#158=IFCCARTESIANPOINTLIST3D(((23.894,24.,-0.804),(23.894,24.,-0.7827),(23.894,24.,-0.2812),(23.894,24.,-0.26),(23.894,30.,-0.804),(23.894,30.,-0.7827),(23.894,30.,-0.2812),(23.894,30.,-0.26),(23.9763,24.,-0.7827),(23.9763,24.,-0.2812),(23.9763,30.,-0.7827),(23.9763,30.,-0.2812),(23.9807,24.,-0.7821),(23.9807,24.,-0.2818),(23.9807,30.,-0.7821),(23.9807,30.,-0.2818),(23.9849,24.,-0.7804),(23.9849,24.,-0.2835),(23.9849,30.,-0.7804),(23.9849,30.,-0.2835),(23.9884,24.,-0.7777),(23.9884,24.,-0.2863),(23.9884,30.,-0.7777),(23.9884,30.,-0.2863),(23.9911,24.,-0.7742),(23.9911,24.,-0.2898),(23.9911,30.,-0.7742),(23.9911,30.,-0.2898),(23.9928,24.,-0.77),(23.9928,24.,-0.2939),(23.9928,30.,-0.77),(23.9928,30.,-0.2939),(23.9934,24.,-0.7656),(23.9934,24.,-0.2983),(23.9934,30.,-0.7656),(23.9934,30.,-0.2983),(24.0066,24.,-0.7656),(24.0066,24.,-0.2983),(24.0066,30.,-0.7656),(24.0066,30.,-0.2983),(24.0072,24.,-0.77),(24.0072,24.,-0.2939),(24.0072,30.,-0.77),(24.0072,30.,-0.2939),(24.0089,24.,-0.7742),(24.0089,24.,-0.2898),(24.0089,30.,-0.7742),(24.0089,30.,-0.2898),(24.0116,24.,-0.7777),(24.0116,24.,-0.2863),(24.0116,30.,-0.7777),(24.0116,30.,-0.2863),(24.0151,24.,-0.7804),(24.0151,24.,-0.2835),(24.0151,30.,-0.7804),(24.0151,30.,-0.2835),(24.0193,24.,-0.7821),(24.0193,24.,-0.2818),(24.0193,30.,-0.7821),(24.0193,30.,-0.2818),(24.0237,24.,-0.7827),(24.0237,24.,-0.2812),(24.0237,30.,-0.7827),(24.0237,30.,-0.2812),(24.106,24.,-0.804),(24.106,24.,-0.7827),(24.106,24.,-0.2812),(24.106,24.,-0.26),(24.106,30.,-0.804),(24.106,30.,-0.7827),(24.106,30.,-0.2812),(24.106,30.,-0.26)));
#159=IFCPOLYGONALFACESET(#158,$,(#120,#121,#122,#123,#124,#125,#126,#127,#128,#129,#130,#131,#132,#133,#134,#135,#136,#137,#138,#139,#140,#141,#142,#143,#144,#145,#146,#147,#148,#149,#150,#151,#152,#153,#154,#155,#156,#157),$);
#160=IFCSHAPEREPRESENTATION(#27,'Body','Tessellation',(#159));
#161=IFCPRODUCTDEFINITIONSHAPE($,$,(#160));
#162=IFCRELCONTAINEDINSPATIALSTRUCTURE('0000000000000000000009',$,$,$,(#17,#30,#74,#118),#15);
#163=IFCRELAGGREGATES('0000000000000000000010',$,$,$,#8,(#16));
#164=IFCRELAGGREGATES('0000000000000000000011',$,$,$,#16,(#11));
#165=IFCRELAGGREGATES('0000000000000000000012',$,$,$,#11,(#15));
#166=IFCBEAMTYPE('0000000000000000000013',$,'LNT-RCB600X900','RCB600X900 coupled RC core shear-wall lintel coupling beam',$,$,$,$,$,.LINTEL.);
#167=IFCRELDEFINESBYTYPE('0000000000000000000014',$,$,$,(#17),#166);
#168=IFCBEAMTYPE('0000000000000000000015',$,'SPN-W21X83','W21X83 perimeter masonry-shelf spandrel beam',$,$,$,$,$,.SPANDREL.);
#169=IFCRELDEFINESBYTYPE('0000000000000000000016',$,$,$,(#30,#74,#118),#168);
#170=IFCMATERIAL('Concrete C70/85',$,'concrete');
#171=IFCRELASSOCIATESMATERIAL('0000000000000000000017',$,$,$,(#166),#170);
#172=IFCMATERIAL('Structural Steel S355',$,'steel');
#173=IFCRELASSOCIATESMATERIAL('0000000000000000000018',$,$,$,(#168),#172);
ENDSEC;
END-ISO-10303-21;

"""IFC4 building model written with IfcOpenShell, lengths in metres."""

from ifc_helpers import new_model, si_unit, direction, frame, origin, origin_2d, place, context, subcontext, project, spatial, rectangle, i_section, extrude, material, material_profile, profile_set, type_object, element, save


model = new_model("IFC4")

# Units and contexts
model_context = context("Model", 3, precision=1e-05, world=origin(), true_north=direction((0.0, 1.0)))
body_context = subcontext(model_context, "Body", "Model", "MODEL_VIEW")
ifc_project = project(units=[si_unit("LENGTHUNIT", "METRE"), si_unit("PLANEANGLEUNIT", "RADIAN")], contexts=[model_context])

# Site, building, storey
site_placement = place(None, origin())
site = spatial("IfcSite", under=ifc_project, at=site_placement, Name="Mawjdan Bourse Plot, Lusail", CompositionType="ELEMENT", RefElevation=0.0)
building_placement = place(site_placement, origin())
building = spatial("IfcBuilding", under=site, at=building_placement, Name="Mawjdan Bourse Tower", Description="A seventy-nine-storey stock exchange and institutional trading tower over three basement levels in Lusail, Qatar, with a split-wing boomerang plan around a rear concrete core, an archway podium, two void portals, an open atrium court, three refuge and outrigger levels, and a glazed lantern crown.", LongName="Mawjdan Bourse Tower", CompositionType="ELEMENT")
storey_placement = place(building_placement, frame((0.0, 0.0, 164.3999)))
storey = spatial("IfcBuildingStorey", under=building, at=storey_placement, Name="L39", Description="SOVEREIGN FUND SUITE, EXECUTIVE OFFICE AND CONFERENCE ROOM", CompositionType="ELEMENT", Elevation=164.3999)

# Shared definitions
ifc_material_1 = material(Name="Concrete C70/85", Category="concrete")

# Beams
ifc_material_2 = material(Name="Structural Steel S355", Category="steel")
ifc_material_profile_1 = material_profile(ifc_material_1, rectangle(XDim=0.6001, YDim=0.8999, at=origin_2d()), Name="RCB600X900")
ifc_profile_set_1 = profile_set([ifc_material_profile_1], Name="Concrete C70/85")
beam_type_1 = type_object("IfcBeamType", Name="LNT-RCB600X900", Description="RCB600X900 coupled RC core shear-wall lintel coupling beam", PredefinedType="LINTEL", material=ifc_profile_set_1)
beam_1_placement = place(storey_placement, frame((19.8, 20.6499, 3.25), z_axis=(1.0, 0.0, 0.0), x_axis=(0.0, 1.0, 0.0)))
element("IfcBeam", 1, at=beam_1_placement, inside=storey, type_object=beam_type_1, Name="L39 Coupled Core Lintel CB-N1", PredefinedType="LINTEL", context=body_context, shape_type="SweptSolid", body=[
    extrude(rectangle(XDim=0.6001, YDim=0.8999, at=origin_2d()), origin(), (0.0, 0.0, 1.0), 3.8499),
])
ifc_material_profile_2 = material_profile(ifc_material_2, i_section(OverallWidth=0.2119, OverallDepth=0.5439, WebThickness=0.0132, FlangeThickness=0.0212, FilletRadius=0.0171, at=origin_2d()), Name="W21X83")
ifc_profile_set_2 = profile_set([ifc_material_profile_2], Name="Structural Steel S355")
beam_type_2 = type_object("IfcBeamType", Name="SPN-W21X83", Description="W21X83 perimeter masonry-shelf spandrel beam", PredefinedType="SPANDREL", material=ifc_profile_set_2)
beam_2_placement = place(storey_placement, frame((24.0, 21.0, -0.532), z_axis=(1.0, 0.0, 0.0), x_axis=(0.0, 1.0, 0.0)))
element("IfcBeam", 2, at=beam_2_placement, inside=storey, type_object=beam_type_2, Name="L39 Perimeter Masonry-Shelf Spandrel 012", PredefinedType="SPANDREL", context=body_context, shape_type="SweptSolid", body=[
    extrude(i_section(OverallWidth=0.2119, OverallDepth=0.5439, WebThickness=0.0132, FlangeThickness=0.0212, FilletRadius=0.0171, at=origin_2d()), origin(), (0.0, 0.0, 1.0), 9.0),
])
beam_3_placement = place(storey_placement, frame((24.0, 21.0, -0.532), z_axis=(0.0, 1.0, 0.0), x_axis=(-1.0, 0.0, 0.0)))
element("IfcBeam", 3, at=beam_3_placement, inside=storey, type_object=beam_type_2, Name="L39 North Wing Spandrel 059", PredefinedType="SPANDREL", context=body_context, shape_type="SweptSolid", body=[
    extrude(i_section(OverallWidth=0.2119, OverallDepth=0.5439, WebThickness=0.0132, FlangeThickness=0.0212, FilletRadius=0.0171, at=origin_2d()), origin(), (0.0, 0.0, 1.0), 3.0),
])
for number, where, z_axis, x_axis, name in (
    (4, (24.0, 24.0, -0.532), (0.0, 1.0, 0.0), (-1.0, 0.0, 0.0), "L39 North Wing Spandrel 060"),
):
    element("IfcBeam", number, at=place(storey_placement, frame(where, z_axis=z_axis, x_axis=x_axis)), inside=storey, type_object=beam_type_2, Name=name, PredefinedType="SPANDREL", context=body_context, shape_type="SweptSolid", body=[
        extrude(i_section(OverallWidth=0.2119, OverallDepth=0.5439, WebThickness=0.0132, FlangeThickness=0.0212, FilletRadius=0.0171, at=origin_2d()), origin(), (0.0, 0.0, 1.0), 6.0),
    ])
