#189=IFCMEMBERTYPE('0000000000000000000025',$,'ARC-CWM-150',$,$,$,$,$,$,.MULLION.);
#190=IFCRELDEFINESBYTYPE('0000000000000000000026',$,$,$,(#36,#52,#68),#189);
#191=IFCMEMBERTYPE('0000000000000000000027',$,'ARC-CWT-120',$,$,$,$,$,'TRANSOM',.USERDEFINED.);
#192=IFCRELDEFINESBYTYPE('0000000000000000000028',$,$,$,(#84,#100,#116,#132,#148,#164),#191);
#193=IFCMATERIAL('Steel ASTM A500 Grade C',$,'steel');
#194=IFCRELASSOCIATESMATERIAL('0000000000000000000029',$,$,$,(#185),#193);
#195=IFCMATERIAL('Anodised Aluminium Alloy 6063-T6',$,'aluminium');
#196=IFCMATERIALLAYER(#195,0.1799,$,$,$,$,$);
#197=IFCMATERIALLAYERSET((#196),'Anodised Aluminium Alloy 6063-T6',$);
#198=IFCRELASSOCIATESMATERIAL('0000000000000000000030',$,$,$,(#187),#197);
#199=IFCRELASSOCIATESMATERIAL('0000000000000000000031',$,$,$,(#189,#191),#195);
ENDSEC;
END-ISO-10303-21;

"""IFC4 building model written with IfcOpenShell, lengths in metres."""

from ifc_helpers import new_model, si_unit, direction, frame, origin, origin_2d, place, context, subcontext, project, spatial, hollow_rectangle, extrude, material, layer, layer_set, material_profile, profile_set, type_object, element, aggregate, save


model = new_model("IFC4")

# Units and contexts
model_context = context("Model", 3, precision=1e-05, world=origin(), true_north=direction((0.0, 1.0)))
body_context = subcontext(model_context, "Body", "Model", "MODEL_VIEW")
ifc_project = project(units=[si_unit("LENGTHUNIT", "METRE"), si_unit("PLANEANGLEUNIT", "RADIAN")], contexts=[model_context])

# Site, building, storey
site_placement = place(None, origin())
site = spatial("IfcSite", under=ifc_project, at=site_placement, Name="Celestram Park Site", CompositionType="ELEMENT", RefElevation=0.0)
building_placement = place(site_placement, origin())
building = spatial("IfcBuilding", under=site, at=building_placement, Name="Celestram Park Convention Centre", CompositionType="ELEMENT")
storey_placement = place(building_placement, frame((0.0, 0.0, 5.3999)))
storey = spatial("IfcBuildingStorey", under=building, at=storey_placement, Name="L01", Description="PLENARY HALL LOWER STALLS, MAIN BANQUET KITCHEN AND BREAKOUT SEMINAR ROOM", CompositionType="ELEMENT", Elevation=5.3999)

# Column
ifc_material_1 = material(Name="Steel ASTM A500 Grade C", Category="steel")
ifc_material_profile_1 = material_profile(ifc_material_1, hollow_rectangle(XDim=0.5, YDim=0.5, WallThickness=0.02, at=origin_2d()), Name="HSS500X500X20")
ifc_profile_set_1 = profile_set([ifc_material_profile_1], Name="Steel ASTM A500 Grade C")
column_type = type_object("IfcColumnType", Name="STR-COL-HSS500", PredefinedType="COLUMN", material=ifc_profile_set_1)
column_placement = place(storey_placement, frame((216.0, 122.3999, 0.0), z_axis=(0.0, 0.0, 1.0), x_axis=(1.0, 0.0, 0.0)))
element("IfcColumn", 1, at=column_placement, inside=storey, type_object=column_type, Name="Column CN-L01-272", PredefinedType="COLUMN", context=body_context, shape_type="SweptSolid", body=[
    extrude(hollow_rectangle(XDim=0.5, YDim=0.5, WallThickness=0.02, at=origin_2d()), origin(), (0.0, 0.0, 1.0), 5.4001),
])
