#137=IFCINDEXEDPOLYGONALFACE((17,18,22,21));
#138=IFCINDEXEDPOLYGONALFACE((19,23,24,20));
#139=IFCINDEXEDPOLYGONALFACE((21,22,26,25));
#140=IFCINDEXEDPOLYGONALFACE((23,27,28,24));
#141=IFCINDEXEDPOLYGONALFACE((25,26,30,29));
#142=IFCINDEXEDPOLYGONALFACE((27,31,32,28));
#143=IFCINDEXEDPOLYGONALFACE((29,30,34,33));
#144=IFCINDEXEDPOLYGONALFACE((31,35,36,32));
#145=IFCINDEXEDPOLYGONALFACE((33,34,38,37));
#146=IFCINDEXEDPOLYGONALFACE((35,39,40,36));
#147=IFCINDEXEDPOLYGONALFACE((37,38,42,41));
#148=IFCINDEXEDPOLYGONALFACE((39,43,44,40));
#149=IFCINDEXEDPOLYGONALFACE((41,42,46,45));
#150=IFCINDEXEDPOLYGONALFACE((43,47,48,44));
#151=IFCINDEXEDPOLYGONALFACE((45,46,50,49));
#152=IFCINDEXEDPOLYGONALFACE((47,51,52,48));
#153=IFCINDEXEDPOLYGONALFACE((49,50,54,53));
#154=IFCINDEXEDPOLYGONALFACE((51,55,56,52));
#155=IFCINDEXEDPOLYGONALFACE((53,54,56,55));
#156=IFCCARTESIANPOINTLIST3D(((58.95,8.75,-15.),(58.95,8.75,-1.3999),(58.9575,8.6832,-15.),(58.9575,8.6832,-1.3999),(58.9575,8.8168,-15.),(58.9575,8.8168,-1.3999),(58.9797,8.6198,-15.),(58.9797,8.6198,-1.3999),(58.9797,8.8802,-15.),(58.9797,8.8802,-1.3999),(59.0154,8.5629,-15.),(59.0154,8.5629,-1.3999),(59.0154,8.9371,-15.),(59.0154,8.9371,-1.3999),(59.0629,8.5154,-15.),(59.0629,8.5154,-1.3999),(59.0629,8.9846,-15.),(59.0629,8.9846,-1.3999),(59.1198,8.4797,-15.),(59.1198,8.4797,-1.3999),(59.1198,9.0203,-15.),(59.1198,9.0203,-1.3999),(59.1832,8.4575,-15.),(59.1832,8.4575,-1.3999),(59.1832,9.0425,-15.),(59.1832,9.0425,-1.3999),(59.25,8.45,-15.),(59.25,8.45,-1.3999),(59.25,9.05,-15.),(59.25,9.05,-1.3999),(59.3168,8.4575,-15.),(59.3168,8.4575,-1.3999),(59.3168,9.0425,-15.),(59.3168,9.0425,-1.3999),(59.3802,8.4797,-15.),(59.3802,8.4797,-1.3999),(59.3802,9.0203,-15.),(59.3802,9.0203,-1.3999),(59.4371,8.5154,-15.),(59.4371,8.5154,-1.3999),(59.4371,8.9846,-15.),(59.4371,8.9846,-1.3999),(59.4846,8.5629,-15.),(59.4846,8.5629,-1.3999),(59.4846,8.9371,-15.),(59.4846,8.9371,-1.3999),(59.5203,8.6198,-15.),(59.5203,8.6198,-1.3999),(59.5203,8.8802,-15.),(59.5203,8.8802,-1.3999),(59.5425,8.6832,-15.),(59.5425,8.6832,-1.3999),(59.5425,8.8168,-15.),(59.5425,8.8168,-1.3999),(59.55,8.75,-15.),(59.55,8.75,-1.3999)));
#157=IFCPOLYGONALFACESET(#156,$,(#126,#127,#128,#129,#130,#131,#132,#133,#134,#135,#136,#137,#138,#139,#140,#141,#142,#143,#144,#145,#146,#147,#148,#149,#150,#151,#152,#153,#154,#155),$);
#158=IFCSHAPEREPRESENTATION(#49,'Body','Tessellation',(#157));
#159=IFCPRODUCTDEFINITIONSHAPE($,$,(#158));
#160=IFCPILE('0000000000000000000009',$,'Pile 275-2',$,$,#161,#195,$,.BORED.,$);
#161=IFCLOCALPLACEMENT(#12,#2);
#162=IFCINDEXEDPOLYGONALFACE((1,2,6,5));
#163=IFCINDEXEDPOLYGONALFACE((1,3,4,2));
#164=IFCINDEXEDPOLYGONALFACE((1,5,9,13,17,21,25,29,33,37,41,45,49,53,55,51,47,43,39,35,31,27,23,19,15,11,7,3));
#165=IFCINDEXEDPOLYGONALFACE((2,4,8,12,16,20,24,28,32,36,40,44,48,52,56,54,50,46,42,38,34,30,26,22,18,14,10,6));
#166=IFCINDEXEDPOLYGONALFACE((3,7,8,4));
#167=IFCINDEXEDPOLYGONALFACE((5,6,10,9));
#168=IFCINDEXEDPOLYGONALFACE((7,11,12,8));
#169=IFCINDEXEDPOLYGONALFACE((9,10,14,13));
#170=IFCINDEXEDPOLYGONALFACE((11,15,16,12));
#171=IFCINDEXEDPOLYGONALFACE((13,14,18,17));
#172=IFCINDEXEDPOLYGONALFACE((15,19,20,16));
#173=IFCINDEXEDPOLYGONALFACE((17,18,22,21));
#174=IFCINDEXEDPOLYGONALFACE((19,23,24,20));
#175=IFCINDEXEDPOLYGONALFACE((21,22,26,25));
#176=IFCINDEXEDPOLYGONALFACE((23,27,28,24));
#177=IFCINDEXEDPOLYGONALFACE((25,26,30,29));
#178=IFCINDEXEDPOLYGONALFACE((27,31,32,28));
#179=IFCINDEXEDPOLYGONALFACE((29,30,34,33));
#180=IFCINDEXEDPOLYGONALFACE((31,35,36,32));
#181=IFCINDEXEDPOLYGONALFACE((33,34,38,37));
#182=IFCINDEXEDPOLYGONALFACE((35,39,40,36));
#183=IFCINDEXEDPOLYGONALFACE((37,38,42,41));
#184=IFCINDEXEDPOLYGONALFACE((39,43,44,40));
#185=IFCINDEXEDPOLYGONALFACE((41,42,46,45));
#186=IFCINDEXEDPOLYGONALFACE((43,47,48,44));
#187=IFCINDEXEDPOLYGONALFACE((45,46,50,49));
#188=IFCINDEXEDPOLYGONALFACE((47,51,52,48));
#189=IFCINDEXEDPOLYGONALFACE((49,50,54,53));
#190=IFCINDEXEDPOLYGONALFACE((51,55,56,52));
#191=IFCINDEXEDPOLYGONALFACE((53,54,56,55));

————————

--- Brief ---
Copy over exactly the lines above from the one with "#180=IFCINDEXEDPOLYGONALFACE((31,35,36,32));" to the last, both included, and no others.

--- Reply to the task ---
#180=IFCINDEXEDPOLYGONALFACE((31,35,36,32));
#181=IFCINDEXEDPOLYGONALFACE((33,34,38,37));
#182=IFCINDEXEDPOLYGONALFACE((35,39,40,36));
#183=IFCINDEXEDPOLYGONALFACE((37,38,42,41));
#184=IFCINDEXEDPOLYGONALFACE((39,43,44,40));
#185=IFCINDEXEDPOLYGONALFACE((41,42,46,45));
#186=IFCINDEXEDPOLYGONALFACE((43,47,48,44));
#187=IFCINDEXEDPOLYGONALFACE((45,46,50,49));
#188=IFCINDEXEDPOLYGONALFACE((47,51,52,48));
#189=IFCINDEXEDPOLYGONALFACE((49,50,54,53));
#190=IFCINDEXEDPOLYGONALFACE((51,55,56,52));
#191=IFCINDEXEDPOLYGONALFACE((53,54,56,55));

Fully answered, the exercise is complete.